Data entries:
----------------------------------------

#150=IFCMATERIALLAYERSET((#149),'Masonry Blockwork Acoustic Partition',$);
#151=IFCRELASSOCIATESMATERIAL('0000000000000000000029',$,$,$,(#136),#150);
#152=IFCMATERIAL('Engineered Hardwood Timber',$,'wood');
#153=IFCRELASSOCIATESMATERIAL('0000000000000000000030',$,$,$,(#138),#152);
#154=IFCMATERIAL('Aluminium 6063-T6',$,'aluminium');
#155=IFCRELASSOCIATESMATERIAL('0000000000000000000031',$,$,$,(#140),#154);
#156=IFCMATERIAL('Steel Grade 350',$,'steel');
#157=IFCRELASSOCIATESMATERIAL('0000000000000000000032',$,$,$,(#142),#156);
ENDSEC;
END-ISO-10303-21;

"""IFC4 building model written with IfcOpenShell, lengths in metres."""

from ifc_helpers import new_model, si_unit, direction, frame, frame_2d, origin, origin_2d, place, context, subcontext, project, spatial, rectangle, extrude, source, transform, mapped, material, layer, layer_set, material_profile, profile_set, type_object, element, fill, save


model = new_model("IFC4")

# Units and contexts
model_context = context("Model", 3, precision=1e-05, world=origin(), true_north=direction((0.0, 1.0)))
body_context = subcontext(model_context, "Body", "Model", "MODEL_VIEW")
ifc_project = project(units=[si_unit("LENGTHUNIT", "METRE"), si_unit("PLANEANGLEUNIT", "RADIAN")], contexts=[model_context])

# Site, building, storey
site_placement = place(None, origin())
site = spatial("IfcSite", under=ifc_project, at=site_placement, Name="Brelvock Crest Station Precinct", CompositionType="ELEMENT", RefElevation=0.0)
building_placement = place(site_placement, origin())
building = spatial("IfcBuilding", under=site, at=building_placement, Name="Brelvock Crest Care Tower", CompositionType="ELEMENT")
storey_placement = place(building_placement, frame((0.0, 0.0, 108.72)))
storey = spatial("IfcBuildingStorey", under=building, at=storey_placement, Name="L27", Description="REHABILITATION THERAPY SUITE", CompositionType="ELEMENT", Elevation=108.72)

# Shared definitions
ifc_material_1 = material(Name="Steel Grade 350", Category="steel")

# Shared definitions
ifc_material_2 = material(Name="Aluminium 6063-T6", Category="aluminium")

----------------------------------------

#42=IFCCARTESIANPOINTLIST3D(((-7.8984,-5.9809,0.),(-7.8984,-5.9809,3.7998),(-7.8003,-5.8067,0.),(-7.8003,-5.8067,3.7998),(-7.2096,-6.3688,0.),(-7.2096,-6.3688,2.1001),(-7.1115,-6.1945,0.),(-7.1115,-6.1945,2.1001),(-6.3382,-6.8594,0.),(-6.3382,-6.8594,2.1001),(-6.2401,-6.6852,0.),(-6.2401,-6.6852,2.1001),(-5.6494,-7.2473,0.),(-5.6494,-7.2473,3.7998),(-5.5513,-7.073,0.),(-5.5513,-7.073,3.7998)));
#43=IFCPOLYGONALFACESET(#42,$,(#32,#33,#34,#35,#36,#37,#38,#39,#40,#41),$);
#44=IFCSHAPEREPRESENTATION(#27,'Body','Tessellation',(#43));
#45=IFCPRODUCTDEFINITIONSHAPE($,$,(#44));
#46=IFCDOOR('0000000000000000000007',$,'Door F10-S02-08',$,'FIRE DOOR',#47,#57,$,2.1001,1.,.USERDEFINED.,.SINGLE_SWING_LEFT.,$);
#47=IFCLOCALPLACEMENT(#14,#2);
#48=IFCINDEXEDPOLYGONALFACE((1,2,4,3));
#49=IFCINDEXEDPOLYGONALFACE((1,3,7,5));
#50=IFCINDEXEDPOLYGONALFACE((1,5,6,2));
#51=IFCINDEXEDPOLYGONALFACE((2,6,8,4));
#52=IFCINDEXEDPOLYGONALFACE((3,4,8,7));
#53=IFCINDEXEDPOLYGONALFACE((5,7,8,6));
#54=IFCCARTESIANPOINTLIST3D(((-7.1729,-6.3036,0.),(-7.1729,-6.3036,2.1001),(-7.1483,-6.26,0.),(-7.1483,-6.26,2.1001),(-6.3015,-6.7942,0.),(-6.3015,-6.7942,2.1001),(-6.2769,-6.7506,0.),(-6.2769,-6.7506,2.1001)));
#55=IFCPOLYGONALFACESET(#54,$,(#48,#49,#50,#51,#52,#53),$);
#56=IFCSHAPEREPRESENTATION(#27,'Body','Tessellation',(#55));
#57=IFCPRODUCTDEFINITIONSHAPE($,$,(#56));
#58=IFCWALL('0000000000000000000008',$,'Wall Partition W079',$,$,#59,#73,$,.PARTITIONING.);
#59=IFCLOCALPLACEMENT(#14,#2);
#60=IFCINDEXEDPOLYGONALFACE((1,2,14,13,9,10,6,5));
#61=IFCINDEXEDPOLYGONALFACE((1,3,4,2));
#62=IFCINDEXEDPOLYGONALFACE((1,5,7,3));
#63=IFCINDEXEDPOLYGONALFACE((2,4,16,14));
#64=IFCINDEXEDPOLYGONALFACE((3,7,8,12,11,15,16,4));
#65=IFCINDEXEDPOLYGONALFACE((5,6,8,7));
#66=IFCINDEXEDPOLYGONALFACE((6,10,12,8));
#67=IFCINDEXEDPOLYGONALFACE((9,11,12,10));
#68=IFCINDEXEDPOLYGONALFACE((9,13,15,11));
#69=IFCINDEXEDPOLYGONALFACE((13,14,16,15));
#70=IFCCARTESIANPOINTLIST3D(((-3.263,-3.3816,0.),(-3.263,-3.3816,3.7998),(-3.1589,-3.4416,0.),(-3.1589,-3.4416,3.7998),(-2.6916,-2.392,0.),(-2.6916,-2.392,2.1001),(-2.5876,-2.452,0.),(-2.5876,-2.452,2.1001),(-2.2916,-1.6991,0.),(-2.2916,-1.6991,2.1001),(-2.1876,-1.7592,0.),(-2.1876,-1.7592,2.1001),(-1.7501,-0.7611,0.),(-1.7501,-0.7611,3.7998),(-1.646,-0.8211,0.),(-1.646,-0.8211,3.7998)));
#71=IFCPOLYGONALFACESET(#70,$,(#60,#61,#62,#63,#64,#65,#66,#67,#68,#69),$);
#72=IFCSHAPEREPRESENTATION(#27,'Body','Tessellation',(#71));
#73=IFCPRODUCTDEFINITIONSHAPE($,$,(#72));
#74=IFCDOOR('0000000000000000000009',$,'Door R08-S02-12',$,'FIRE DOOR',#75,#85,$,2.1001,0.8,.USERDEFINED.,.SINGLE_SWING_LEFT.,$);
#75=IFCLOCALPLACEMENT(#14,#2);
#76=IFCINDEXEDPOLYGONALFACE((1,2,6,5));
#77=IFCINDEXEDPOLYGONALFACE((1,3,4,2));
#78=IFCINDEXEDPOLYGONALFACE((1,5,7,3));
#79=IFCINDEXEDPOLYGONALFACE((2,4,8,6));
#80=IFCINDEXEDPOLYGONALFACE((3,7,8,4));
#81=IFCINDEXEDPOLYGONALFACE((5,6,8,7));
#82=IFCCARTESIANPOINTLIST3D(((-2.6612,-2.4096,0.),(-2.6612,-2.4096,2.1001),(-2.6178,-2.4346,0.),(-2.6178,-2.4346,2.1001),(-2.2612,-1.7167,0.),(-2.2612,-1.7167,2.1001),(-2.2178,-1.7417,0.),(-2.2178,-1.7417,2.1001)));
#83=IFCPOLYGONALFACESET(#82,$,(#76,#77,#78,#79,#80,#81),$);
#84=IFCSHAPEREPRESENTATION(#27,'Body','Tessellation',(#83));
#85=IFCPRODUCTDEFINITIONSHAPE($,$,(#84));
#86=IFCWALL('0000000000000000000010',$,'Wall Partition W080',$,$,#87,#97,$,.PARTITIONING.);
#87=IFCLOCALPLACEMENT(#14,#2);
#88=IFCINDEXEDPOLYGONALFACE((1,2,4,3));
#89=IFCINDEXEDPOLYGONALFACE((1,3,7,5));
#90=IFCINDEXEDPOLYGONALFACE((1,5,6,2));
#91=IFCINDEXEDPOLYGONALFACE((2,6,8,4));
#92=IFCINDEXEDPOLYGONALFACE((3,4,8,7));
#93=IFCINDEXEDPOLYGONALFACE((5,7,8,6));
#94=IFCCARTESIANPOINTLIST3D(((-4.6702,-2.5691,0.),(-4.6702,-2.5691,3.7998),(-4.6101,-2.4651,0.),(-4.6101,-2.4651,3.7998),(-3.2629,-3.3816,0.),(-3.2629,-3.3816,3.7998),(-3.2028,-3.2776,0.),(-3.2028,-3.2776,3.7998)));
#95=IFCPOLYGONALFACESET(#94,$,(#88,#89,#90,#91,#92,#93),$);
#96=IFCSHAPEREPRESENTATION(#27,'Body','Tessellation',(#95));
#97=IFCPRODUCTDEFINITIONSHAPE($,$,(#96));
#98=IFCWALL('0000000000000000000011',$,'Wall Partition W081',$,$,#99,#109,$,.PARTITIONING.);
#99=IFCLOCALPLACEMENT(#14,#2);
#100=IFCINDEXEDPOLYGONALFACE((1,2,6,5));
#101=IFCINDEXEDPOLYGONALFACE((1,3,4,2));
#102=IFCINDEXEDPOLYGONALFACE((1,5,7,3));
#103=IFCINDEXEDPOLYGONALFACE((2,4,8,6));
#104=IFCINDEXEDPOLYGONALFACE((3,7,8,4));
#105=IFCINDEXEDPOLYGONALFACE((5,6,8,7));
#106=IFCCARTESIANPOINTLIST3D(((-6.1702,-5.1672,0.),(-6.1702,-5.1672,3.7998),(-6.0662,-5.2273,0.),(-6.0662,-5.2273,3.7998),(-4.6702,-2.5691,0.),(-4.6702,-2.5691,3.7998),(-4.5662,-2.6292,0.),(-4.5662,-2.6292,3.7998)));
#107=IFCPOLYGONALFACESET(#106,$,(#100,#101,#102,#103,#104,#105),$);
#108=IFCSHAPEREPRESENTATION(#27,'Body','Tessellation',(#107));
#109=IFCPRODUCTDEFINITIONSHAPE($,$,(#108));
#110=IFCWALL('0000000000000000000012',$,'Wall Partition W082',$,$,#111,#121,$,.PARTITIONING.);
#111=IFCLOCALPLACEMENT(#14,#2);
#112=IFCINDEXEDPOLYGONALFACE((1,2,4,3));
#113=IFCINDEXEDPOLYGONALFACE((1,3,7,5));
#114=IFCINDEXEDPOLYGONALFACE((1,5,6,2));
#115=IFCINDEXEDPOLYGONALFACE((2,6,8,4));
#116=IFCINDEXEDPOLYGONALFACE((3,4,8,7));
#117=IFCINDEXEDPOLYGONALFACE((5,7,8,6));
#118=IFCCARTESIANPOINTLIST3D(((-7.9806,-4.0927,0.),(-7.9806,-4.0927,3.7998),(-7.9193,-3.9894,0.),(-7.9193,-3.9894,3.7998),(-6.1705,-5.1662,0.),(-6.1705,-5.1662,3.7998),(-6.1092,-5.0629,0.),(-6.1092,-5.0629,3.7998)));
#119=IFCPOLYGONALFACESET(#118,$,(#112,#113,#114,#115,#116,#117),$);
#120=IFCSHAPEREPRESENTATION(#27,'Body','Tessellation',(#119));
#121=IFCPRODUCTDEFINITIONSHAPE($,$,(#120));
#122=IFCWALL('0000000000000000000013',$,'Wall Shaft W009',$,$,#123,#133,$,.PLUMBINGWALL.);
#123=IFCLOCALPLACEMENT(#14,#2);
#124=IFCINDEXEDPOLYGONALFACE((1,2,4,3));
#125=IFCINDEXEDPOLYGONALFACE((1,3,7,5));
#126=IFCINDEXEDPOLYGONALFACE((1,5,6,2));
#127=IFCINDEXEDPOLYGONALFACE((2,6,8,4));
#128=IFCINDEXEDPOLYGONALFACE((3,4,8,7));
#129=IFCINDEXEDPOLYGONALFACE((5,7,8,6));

----------------------------------------

Try it –
Search the records above for the string "Partition". Copy every line that contains it.

The answer –
#150=IFCMATERIALLAYERSET((#149),'Masonry Blockwork Acoustic Partition',$);
#58=IFCWALL('0000000000000000000008',$,'Wall Partition W079',$,$,#59,#73,$,.PARTITIONING.);
#86=IFCWALL('0000000000000000000010',$,'Wall Partition W080',$,$,#87,#97,$,.PARTITIONING.);
#98=IFCWALL('0000000000000000000011',$,'Wall Partition W081',$,$,#99,#109,$,.PARTITIONING.);
#110=IFCWALL('0000000000000000000012',$,'Wall Partition W082',$,$,#111,#121,$,.PARTITIONING.);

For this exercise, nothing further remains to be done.